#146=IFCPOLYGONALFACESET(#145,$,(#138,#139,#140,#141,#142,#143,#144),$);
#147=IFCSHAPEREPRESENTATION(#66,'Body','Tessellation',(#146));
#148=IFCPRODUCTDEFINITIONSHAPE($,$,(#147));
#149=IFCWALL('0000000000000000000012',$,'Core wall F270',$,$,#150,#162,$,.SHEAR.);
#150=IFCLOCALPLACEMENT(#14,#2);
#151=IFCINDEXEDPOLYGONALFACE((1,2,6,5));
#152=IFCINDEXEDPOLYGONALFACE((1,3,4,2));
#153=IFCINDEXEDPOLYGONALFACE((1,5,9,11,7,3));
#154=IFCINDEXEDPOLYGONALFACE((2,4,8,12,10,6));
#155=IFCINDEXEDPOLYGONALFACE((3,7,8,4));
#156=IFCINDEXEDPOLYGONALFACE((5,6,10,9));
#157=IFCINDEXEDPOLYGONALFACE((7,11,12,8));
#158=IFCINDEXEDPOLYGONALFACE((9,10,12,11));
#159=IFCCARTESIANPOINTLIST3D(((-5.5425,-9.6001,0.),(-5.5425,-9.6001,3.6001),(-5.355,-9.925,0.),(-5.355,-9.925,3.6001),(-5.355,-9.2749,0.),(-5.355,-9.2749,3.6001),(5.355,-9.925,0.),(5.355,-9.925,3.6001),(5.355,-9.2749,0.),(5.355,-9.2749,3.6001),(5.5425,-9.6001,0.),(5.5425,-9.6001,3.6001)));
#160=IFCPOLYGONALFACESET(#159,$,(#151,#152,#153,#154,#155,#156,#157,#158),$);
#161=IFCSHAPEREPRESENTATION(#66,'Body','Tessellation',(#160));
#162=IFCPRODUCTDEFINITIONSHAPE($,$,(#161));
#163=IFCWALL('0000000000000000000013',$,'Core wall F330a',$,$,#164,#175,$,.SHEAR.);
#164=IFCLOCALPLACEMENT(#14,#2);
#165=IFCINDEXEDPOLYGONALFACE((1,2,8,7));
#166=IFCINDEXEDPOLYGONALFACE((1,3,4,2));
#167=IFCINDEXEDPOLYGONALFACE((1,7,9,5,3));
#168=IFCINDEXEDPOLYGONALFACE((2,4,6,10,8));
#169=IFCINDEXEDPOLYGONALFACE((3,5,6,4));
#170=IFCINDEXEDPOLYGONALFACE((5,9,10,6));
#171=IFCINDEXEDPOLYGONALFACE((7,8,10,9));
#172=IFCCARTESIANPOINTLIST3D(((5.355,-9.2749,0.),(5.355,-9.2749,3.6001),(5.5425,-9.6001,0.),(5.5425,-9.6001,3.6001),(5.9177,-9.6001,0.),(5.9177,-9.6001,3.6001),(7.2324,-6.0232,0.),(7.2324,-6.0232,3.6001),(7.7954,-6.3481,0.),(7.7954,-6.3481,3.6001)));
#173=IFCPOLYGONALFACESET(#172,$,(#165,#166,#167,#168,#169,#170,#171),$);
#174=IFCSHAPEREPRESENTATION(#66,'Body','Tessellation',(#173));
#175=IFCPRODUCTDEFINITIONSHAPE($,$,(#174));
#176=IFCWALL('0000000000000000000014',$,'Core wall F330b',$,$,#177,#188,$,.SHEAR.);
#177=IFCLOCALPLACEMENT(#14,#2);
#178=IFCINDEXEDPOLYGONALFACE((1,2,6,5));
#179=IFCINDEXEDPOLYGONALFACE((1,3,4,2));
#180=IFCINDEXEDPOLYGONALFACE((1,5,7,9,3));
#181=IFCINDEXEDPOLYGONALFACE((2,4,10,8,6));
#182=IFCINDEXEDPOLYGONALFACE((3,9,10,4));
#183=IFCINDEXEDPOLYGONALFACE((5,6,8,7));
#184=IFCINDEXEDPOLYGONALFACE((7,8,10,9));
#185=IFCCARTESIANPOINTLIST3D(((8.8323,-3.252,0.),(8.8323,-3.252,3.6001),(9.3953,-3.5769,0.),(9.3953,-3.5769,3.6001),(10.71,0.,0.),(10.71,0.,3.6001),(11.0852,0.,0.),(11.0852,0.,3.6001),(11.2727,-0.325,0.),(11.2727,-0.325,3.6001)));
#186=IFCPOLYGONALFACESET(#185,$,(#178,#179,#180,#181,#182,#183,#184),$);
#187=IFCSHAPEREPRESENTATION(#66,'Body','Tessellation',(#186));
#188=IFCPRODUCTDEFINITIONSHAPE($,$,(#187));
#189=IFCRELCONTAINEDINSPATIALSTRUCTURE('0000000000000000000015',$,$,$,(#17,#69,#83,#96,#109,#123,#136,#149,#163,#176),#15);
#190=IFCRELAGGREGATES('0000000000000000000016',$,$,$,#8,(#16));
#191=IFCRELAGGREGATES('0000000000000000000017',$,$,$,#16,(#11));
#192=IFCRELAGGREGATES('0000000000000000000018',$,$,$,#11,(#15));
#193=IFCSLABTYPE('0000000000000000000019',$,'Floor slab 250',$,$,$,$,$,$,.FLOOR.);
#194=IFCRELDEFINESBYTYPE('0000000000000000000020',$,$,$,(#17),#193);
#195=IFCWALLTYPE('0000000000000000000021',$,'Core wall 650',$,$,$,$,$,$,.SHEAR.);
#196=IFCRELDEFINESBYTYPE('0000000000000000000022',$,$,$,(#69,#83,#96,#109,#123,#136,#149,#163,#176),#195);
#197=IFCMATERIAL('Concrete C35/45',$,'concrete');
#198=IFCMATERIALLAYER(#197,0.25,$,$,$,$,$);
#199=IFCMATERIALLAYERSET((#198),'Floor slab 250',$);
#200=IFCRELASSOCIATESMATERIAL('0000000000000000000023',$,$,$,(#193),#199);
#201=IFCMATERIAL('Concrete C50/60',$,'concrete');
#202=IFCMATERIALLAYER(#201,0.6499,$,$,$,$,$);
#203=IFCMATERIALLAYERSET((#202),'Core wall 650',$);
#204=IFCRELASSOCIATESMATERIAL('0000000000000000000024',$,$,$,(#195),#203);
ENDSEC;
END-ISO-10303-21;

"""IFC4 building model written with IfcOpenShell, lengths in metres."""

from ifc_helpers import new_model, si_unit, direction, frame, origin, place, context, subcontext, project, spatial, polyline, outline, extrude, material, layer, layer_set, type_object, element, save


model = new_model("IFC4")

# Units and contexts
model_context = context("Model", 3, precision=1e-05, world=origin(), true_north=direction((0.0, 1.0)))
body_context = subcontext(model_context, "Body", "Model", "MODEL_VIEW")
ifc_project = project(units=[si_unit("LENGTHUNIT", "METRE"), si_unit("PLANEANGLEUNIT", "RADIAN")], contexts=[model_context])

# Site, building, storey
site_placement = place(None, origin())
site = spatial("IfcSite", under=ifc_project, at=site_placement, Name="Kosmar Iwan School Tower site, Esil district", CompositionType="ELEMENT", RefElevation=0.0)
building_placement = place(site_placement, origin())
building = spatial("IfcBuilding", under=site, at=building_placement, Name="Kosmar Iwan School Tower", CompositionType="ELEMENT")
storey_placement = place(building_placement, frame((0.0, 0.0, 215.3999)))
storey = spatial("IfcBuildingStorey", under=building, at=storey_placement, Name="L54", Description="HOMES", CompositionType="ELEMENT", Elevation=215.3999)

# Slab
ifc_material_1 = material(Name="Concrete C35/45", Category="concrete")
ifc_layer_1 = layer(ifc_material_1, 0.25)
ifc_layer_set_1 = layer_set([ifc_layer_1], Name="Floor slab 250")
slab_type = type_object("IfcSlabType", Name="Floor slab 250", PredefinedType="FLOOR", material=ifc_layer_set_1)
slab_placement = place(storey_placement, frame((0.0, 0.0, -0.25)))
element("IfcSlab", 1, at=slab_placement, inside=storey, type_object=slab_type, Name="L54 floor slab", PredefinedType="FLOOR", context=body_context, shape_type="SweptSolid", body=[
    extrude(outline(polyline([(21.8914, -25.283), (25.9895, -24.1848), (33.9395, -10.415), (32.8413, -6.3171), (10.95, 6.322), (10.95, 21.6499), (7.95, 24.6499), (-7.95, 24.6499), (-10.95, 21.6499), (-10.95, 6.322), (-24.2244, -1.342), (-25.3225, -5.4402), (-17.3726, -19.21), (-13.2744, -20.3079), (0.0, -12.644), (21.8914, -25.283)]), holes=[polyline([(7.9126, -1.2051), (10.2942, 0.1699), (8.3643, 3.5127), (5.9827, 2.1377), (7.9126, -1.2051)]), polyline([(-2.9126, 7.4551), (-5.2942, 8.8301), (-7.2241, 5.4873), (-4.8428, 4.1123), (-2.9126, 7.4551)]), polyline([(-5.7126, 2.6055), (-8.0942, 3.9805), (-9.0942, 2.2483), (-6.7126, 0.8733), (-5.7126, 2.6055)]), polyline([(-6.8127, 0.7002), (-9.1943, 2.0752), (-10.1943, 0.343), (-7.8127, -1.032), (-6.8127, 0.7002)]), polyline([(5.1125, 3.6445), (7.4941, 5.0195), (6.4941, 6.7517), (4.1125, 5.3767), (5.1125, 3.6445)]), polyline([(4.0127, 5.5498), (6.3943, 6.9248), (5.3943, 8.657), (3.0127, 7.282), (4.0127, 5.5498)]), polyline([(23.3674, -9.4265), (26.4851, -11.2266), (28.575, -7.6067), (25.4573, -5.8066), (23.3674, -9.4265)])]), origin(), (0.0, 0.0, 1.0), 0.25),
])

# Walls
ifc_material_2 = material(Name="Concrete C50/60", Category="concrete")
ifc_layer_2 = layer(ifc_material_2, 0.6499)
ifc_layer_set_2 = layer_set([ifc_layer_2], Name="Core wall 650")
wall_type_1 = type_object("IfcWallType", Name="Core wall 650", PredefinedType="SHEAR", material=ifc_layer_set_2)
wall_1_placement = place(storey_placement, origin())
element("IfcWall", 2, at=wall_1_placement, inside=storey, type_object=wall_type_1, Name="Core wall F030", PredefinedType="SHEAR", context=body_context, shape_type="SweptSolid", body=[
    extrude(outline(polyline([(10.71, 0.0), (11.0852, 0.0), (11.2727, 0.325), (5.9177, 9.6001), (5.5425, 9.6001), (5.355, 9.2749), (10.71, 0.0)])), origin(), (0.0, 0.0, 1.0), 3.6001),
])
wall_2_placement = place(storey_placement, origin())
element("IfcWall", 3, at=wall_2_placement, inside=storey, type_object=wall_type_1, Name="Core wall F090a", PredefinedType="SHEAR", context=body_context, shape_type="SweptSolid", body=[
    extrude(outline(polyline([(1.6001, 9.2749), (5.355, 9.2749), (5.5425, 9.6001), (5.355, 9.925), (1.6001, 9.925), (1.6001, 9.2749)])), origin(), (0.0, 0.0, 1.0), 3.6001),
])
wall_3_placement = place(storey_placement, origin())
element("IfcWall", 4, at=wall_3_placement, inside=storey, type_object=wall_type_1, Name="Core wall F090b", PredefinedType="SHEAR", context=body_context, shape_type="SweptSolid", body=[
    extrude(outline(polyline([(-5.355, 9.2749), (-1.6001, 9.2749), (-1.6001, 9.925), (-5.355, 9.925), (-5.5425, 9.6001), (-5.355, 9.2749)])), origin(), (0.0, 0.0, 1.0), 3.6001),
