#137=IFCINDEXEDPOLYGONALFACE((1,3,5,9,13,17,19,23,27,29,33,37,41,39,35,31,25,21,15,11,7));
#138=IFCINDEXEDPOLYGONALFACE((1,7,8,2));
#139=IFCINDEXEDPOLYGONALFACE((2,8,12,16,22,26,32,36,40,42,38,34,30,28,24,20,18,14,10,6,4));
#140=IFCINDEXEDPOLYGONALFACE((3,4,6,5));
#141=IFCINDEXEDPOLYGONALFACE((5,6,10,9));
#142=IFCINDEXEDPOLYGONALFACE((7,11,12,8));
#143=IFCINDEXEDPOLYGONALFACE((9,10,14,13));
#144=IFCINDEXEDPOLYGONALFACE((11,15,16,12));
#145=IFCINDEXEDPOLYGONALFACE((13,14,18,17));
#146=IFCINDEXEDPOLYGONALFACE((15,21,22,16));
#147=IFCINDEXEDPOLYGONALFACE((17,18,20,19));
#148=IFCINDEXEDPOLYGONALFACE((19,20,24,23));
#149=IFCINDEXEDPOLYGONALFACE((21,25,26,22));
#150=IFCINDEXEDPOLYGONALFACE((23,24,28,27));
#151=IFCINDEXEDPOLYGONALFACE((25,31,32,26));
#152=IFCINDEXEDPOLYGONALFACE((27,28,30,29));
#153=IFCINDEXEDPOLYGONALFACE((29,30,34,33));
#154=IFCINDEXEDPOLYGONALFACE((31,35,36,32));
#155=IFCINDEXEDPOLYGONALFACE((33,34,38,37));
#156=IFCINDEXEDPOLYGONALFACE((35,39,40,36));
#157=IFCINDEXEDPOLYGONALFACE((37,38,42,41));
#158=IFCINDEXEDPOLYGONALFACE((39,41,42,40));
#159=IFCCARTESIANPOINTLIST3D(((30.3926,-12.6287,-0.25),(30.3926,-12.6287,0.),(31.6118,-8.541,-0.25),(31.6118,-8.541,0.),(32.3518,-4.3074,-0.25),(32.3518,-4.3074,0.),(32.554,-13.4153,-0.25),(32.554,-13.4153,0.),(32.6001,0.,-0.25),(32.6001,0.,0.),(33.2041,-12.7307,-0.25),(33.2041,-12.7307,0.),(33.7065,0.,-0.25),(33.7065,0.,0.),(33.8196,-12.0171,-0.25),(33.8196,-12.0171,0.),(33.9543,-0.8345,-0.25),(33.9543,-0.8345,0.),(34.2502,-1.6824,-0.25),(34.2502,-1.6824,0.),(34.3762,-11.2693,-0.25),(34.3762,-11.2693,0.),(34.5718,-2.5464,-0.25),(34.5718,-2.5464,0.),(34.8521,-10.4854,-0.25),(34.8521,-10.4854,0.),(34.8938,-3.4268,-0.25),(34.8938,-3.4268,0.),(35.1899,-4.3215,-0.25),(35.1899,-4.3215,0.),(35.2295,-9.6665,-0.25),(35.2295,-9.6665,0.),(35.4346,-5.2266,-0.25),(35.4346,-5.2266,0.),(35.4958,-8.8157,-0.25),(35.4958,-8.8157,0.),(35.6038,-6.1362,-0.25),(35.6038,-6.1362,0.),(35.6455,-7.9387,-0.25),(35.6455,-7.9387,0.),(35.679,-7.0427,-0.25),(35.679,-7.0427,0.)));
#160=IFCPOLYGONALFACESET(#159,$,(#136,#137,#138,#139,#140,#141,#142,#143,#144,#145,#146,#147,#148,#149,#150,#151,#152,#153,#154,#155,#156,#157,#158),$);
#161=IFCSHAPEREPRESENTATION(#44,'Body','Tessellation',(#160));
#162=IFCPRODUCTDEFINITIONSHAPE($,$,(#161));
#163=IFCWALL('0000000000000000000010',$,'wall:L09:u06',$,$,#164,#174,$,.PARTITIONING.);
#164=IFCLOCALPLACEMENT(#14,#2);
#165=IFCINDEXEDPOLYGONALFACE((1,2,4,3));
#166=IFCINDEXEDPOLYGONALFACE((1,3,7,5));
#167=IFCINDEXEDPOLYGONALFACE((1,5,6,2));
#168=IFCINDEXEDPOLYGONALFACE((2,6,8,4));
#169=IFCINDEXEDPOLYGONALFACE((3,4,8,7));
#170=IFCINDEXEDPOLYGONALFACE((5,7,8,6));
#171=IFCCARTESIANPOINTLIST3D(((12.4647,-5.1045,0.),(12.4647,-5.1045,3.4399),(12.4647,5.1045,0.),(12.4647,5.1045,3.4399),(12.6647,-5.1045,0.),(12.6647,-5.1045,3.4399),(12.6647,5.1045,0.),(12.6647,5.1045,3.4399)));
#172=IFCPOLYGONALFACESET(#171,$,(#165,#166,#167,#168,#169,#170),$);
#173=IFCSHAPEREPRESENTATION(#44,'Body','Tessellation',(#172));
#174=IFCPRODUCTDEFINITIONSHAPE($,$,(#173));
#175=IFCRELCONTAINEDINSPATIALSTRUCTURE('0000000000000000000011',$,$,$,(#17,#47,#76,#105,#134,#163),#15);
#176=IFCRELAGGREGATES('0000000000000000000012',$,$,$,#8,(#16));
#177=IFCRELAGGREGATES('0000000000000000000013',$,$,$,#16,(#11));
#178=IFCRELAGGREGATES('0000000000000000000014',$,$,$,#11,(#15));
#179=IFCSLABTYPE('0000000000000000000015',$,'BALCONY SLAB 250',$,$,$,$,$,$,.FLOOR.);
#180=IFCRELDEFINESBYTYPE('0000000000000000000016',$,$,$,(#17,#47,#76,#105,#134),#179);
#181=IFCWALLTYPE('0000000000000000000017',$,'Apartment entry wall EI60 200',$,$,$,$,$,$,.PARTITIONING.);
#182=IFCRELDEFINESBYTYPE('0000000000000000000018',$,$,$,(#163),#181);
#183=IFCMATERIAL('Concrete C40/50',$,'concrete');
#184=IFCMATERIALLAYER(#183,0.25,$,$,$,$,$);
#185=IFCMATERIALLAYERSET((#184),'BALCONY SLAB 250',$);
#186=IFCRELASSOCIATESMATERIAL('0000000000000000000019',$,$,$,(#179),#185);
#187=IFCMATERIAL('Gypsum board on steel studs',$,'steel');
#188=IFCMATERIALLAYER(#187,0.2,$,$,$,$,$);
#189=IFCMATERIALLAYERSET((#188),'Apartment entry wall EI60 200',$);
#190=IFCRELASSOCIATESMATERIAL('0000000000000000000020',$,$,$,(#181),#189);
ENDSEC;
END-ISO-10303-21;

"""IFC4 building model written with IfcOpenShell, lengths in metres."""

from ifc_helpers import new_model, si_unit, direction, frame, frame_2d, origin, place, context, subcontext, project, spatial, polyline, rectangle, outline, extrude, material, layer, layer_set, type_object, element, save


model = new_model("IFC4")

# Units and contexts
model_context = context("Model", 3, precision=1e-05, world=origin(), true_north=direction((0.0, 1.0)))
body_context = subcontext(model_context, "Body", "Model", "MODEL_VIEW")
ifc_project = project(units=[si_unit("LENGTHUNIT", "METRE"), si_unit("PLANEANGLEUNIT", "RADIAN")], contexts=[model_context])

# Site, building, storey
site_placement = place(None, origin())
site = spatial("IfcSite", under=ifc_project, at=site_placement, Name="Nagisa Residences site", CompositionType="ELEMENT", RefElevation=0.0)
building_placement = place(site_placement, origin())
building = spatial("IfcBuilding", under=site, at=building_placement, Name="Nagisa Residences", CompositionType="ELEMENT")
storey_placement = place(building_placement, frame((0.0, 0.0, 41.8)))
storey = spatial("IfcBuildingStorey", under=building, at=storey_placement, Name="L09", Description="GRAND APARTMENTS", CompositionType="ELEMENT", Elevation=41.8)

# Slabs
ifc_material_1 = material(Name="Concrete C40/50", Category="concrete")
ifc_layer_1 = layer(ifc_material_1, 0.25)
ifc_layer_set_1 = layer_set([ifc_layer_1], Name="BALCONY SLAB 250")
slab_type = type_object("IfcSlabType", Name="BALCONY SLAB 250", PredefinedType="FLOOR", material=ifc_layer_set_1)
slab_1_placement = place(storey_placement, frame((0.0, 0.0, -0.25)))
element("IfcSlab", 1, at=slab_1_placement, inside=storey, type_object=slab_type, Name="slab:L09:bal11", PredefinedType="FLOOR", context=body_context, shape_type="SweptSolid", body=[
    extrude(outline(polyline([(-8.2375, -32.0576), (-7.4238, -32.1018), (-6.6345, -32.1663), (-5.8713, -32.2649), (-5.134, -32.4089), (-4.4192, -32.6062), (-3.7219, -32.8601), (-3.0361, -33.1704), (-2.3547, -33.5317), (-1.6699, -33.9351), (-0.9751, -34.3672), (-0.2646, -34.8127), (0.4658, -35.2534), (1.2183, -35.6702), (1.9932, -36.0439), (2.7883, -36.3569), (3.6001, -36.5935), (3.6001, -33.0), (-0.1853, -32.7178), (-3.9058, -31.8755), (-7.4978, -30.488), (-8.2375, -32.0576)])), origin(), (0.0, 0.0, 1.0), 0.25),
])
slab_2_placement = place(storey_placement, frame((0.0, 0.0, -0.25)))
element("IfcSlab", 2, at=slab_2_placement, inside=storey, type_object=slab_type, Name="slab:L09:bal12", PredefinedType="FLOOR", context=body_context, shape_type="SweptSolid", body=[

What you are asked to do: Looking back over the data above, restate word for word the lines that begin at the line with "#147=IFCINDEXEDPOLYGONALFACE((17,18,20,19));" and end at the line with "#156=IFCINDEXEDPOLYGONALFACE((35,39,40,36));", inclusive.

Answer for the task:
#147=IFCINDEXEDPOLYGONALFACE((17,18,20,19));
#148=IFCINDEXEDPOLYGONALFACE((19,20,24,23));
#149=IFCINDEXEDPOLYGONALFACE((21,25,26,22));
#150=IFCINDEXEDPOLYGONALFACE((23,24,28,27));
#151=IFCINDEXEDPOLYGONALFACE((25,31,32,26));
#152=IFCINDEXEDPOLYGONALFACE((27,28,30,29));
#153=IFCINDEXEDPOLYGONALFACE((29,30,34,33));
#154=IFCINDEXEDPOLYGONALFACE((31,35,36,32));
#155=IFCINDEXEDPOLYGONALFACE((33,34,38,37));
#156=IFCINDEXEDPOLYGONALFACE((35,39,40,36));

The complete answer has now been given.